**Aim of the task**
Among the lines below, keep only those from the one containing "#168=IFCMATERIAL('Concrete C40/50',$,'concrete');" through the one containing "#174=IFCMATERIAL('Clear float glass", and reproduce them exactly.

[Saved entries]
**********

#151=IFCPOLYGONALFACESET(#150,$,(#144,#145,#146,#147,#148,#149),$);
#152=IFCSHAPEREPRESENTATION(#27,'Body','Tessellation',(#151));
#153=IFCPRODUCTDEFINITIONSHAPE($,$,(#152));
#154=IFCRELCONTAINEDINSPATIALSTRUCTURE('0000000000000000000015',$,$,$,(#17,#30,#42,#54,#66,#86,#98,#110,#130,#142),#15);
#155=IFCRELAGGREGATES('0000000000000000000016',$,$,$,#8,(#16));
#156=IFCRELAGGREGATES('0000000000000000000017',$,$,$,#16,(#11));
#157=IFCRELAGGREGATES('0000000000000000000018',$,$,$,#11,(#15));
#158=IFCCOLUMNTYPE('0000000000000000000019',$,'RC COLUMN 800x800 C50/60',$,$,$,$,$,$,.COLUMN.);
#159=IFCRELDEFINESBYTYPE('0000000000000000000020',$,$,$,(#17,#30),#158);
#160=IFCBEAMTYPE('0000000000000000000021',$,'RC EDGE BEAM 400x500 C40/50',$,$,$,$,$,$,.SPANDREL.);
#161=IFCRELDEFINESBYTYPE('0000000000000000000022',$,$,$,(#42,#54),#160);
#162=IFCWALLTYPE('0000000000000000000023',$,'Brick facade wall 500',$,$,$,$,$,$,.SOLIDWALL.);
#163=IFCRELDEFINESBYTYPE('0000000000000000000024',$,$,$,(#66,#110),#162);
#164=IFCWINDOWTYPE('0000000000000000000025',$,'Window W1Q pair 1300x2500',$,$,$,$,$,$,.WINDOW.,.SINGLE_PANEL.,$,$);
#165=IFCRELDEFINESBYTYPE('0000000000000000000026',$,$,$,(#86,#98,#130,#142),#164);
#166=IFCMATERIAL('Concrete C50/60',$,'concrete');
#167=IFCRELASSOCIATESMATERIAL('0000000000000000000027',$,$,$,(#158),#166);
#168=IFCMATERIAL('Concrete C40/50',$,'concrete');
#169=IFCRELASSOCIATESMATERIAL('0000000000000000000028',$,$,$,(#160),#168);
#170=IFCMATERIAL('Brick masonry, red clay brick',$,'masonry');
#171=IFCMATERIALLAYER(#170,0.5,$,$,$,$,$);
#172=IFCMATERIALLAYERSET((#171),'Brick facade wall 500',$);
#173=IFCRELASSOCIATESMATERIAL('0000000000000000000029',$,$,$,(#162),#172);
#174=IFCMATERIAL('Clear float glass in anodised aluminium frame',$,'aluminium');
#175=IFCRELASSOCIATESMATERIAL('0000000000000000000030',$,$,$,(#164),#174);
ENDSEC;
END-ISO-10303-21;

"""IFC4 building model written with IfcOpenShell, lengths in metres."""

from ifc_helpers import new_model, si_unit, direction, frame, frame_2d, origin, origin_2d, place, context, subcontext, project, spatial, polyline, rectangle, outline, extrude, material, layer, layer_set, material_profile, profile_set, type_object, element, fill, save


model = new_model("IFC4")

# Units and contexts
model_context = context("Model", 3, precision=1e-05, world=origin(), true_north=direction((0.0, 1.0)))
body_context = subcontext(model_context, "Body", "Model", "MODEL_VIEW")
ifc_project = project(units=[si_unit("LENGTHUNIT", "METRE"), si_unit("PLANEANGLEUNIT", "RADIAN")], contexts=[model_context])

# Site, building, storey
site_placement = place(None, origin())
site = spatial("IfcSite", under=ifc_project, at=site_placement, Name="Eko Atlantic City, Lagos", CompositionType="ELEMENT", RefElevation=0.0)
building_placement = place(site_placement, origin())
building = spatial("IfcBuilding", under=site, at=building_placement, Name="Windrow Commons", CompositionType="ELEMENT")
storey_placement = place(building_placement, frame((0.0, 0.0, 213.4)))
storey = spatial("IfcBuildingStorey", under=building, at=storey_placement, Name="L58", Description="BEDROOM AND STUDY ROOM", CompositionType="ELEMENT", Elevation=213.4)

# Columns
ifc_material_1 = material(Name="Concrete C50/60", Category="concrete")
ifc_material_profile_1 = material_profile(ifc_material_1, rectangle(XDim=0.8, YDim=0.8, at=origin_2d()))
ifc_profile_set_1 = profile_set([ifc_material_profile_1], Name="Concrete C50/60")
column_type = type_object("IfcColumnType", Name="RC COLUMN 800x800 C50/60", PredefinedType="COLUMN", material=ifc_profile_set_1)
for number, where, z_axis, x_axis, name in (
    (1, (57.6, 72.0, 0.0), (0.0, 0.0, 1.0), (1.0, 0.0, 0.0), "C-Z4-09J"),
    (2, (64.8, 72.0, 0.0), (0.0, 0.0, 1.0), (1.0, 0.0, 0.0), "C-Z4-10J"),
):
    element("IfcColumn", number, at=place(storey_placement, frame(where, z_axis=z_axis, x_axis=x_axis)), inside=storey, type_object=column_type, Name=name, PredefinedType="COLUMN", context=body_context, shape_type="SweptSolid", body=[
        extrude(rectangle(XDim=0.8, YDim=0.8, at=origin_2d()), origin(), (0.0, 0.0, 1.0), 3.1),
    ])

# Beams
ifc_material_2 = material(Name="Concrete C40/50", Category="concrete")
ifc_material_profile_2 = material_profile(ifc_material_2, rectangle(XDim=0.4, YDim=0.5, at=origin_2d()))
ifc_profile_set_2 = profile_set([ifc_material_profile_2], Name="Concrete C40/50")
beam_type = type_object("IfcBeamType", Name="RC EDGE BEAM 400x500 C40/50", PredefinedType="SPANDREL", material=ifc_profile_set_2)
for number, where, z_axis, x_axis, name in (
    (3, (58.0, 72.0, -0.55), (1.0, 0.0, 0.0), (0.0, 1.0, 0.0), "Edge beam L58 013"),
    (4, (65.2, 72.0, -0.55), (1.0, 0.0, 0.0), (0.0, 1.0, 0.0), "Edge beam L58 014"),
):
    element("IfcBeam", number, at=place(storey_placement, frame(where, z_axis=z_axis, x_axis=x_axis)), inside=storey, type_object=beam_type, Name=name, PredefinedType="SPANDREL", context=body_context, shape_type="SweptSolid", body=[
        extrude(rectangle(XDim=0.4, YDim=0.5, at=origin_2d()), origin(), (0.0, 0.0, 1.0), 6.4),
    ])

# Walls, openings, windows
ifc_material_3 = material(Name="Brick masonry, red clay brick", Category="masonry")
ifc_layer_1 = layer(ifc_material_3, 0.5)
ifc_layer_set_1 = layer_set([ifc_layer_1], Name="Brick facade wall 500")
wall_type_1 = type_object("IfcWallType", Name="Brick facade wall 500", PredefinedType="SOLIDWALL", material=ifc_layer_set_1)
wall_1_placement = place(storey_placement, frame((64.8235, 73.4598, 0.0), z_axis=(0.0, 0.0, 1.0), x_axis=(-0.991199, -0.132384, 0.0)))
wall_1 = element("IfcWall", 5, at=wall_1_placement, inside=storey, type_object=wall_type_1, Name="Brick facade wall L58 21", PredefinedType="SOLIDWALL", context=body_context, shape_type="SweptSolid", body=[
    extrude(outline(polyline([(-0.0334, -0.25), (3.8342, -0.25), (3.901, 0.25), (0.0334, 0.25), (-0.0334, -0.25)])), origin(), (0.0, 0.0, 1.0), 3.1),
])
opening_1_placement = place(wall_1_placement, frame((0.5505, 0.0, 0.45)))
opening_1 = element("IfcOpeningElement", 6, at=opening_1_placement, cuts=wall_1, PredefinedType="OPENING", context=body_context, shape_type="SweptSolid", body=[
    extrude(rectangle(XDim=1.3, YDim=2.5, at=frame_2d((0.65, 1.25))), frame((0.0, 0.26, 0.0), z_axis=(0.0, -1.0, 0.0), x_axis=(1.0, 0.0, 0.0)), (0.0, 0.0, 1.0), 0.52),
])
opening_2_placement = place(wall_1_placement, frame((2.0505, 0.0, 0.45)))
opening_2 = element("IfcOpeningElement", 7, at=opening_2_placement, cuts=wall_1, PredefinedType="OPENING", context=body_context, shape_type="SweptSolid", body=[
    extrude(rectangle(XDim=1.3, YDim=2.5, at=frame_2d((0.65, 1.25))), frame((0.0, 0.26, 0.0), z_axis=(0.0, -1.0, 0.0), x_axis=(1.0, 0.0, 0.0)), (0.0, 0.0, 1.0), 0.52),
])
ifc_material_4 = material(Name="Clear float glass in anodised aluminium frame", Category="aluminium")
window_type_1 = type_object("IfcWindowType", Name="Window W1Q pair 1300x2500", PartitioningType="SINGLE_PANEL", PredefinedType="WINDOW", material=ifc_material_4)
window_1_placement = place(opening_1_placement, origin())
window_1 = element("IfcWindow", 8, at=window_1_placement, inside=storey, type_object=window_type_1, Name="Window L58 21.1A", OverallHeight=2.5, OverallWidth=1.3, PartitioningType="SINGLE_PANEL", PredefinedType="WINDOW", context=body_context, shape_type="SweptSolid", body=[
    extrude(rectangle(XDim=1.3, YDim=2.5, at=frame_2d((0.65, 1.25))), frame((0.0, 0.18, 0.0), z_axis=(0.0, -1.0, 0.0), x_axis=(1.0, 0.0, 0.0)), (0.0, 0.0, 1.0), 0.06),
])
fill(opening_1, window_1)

**********

**Task result**
#168=IFCMATERIAL('Concrete C40/50',$,'concrete');
#169=IFCRELASSOCIATESMATERIAL('0000000000000000000028',$,$,$,(#160),#168);
#170=IFCMATERIAL('Brick masonry, red clay brick',$,'masonry');
#171=IFCMATERIALLAYER(#170,0.5,$,$,$,$,$);
#172=IFCMATERIALLAYERSET((#171),'Brick facade wall 500',$);
#173=IFCRELASSOCIATESMATERIAL('0000000000000000000029',$,$,$,(#162),#172);
#174=IFCMATERIAL('Clear float glass in anodised aluminium frame',$,'aluminium');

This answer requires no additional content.